Whatever the records below hold, copy it all out exactly.

━━ INPUT ━━

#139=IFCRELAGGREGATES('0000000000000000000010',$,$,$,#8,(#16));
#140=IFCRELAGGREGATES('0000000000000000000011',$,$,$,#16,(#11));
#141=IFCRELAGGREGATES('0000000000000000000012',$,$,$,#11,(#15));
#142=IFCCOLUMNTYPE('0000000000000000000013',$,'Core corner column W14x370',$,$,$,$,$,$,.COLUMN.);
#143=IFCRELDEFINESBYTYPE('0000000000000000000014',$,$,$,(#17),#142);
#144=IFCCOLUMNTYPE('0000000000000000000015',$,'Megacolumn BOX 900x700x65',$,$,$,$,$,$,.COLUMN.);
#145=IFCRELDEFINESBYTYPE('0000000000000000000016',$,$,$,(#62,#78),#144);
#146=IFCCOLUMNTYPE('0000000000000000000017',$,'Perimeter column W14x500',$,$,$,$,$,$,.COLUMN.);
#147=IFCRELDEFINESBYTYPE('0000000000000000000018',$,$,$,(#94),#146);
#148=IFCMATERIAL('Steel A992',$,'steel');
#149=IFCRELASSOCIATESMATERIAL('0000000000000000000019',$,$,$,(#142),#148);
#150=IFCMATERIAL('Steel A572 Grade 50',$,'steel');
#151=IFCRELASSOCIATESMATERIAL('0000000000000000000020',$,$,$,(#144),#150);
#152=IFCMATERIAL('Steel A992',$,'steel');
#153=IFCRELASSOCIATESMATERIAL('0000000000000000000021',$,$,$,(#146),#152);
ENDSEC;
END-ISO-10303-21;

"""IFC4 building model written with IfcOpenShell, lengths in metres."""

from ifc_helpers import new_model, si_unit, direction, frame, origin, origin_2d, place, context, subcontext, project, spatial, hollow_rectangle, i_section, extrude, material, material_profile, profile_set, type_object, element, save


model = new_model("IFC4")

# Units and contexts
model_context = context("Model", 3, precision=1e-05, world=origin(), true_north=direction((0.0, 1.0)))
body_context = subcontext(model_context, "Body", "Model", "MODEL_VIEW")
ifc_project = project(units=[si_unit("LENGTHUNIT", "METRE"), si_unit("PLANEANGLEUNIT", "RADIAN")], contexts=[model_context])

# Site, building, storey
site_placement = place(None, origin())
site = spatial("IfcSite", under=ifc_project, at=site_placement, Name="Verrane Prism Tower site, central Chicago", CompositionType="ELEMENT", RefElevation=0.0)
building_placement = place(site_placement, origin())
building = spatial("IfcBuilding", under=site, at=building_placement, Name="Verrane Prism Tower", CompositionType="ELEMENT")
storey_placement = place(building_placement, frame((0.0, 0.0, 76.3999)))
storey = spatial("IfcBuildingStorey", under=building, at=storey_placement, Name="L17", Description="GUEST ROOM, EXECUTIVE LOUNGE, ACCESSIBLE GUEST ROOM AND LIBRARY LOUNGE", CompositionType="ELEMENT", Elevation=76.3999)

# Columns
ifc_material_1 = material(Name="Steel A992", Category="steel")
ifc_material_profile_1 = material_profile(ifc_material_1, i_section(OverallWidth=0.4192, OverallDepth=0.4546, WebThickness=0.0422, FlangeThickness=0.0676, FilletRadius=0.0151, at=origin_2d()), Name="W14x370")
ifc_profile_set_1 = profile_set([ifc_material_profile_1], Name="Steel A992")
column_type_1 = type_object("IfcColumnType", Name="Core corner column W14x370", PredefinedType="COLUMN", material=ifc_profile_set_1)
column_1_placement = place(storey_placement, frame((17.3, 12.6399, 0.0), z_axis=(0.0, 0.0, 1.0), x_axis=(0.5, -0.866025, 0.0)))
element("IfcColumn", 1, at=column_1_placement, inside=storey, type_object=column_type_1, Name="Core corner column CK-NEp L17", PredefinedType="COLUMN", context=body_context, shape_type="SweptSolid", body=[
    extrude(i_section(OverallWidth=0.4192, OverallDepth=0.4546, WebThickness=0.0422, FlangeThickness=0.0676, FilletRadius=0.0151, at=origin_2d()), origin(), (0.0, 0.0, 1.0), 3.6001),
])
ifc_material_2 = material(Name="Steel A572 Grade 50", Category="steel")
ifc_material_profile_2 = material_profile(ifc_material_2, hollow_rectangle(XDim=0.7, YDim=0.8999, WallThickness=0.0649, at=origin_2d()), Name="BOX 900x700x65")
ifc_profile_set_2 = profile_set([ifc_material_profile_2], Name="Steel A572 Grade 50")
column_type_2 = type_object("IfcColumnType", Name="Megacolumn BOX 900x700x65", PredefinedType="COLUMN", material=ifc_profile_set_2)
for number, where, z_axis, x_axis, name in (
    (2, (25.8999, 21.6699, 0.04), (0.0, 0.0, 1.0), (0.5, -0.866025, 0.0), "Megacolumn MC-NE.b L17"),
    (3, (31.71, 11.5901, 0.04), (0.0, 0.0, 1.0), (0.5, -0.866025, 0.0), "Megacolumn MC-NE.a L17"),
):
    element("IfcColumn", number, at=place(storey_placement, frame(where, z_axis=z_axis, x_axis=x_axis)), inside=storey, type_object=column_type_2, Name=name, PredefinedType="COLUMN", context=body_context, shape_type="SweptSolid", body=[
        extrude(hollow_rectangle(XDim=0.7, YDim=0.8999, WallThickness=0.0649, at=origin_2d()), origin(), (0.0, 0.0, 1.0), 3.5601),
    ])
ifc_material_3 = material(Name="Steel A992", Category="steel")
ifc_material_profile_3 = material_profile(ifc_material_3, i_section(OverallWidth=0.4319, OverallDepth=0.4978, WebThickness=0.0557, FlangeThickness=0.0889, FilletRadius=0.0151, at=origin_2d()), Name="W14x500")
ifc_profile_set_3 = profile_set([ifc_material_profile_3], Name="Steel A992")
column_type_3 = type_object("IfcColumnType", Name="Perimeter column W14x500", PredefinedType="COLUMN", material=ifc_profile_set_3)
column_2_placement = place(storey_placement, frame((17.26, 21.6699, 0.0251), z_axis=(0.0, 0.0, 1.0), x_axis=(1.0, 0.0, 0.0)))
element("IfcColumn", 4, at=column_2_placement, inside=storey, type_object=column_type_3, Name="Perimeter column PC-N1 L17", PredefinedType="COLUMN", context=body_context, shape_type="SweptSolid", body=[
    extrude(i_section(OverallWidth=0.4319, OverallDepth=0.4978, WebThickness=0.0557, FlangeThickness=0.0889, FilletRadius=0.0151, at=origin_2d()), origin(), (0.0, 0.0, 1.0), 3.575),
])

━━━

## EXERCISE SOLUTION
#139=IFCRELAGGREGATES('0000000000000000000010',$,$,$,#8,(#16));
#140=IFCRELAGGREGATES('0000000000000000000011',$,$,$,#16,(#11));
#141=IFCRELAGGREGATES('0000000000000000000012',$,$,$,#11,(#15));
#142=IFCCOLUMNTYPE('0000000000000000000013',$,'Core corner column W14x370',$,$,$,$,$,$,.COLUMN.);
#143=IFCRELDEFINESBYTYPE('0000000000000000000014',$,$,$,(#17),#142);
#144=IFCCOLUMNTYPE('0000000000000000000015',$,'Megacolumn BOX 900x700x65',$,$,$,$,$,$,.COLUMN.);
#145=IFCRELDEFINESBYTYPE('0000000000000000000016',$,$,$,(#62,#78),#144);
#146=IFCCOLUMNTYPE('0000000000000000000017',$,'Perimeter column W14x500',$,$,$,$,$,$,.COLUMN.);
#147=IFCRELDEFINESBYTYPE('0000000000000000000018',$,$,$,(#94),#146);
#148=IFCMATERIAL('Steel A992',$,'steel');
#149=IFCRELASSOCIATESMATERIAL('0000000000000000000019',$,$,$,(#142),#148);
#150=IFCMATERIAL('Steel A572 Grade 50',$,'steel');
#151=IFCRELASSOCIATESMATERIAL('0000000000000000000020',$,$,$,(#144),#150);
#152=IFCMATERIAL('Steel A992',$,'steel');
#153=IFCRELASSOCIATESMATERIAL('0000000000000000000021',$,$,$,(#146),#152);
ENDSEC;
END-ISO-10303-21;

"""IFC4 building model written with IfcOpenShell, lengths in metres."""

from ifc_helpers import new_model, si_unit, direction, frame, origin, origin_2d, place, context, subcontext, project, spatial, hollow_rectangle, i_section, extrude, material, material_profile, profile_set, type_object, element, save


model = new_model("IFC4")

# Units and contexts
model_context = context("Model", 3, precision=1e-05, world=origin(), true_north=direction((0.0, 1.0)))
body_context = subcontext(model_context, "Body", "Model", "MODEL_VIEW")
ifc_project = project(units=[si_unit("LENGTHUNIT", "METRE"), si_unit("PLANEANGLEUNIT", "RADIAN")], contexts=[model_context])

# Site, building, storey
site_placement = place(None, origin())
site = spatial("IfcSite", under=ifc_project, at=site_placement, Name="Verrane Prism Tower site, central Chicago", CompositionType="ELEMENT", RefElevation=0.0)
building_placement = place(site_placement, origin())
building = spatial("IfcBuilding", under=site, at=building_placement, Name="Verrane Prism Tower", CompositionType="ELEMENT")
storey_placement = place(building_placement, frame((0.0, 0.0, 76.3999)))
storey = spatial("IfcBuildingStorey", under=building, at=storey_placement, Name="L17", Description="GUEST ROOM, EXECUTIVE LOUNGE, ACCESSIBLE GUEST ROOM AND LIBRARY LOUNGE", CompositionType="ELEMENT", Elevation=76.3999)

# Columns
ifc_material_1 = material(Name="Steel A992", Category="steel")
ifc_material_profile_1 = material_profile(ifc_material_1, i_section(OverallWidth=0.4192, OverallDepth=0.4546, WebThickness=0.0422, FlangeThickness=0.0676, FilletRadius=0.0151, at=origin_2d()), Name="W14x370")
ifc_profile_set_1 = profile_set([ifc_material_profile_1], Name="Steel A992")
column_type_1 = type_object("IfcColumnType", Name="Core corner column W14x370", PredefinedType="COLUMN", material=ifc_profile_set_1)
column_1_placement = place(storey_placement, frame((17.3, 12.6399, 0.0), z_axis=(0.0, 0.0, 1.0), x_axis=(0.5, -0.866025, 0.0)))
element("IfcColumn", 1, at=column_1_placement, inside=storey, type_object=column_type_1, Name="Core corner column CK-NEp L17", PredefinedType="COLUMN", context=body_context, shape_type="SweptSolid", body=[
    extrude(i_section(OverallWidth=0.4192, OverallDepth=0.4546, WebThickness=0.0422, FlangeThickness=0.0676, FilletRadius=0.0151, at=origin_2d()), origin(), (0.0, 0.0, 1.0), 3.6001),
])
ifc_material_2 = material(Name="Steel A572 Grade 50", Category="steel")
ifc_material_profile_2 = material_profile(ifc_material_2, hollow_rectangle(XDim=0.7, YDim=0.8999, WallThickness=0.0649, at=origin_2d()), Name="BOX 900x700x65")
ifc_profile_set_2 = profile_set([ifc_material_profile_2], Name="Steel A572 Grade 50")
column_type_2 = type_object("IfcColumnType", Name="Megacolumn BOX 900x700x65", PredefinedType="COLUMN", material=ifc_profile_set_2)
for number, where, z_axis, x_axis, name in (
    (2, (25.8999, 21.6699, 0.04), (0.0, 0.0, 1.0), (0.5, -0.866025, 0.0), "Megacolumn MC-NE.b L17"),
    (3, (31.71, 11.5901, 0.04), (0.0, 0.0, 1.0), (0.5, -0.866025, 0.0), "Megacolumn MC-NE.a L17"),
):
    element("IfcColumn", number, at=place(storey_placement, frame(where, z_axis=z_axis, x_axis=x_axis)), inside=storey, type_object=column_type_2, Name=name, PredefinedType="COLUMN", context=body_context, shape_type="SweptSolid", body=[
        extrude(hollow_rectangle(XDim=0.7, YDim=0.8999, WallThickness=0.0649, at=origin_2d()), origin(), (0.0, 0.0, 1.0), 3.5601),
    ])
ifc_material_3 = material(Name="Steel A992", Category="steel")
ifc_material_profile_3 = material_profile(ifc_material_3, i_section(OverallWidth=0.4319, OverallDepth=0.4978, WebThickness=0.0557, FlangeThickness=0.0889, FilletRadius=0.0151, at=origin_2d()), Name="W14x500")
ifc_profile_set_3 = profile_set([ifc_material_profile_3], Name="Steel A992")
column_type_3 = type_object("IfcColumnType", Name="Perimeter column W14x500", PredefinedType="COLUMN", material=ifc_profile_set_3)
column_2_placement = place(storey_placement, frame((17.26, 21.6699, 0.0251), z_axis=(0.0, 0.0, 1.0), x_axis=(1.0, 0.0, 0.0)))
element("IfcColumn", 4, at=column_2_placement, inside=storey, type_object=column_type_3, Name="Perimeter column PC-N1 L17", PredefinedType="COLUMN", context=body_context, shape_type="SweptSolid", body=[
    extrude(i_section(OverallWidth=0.4319, OverallDepth=0.4978, WebThickness=0.0557, FlangeThickness=0.0889, FilletRadius=0.0151, at=origin_2d()), origin(), (0.0, 0.0, 1.0), 3.575),
])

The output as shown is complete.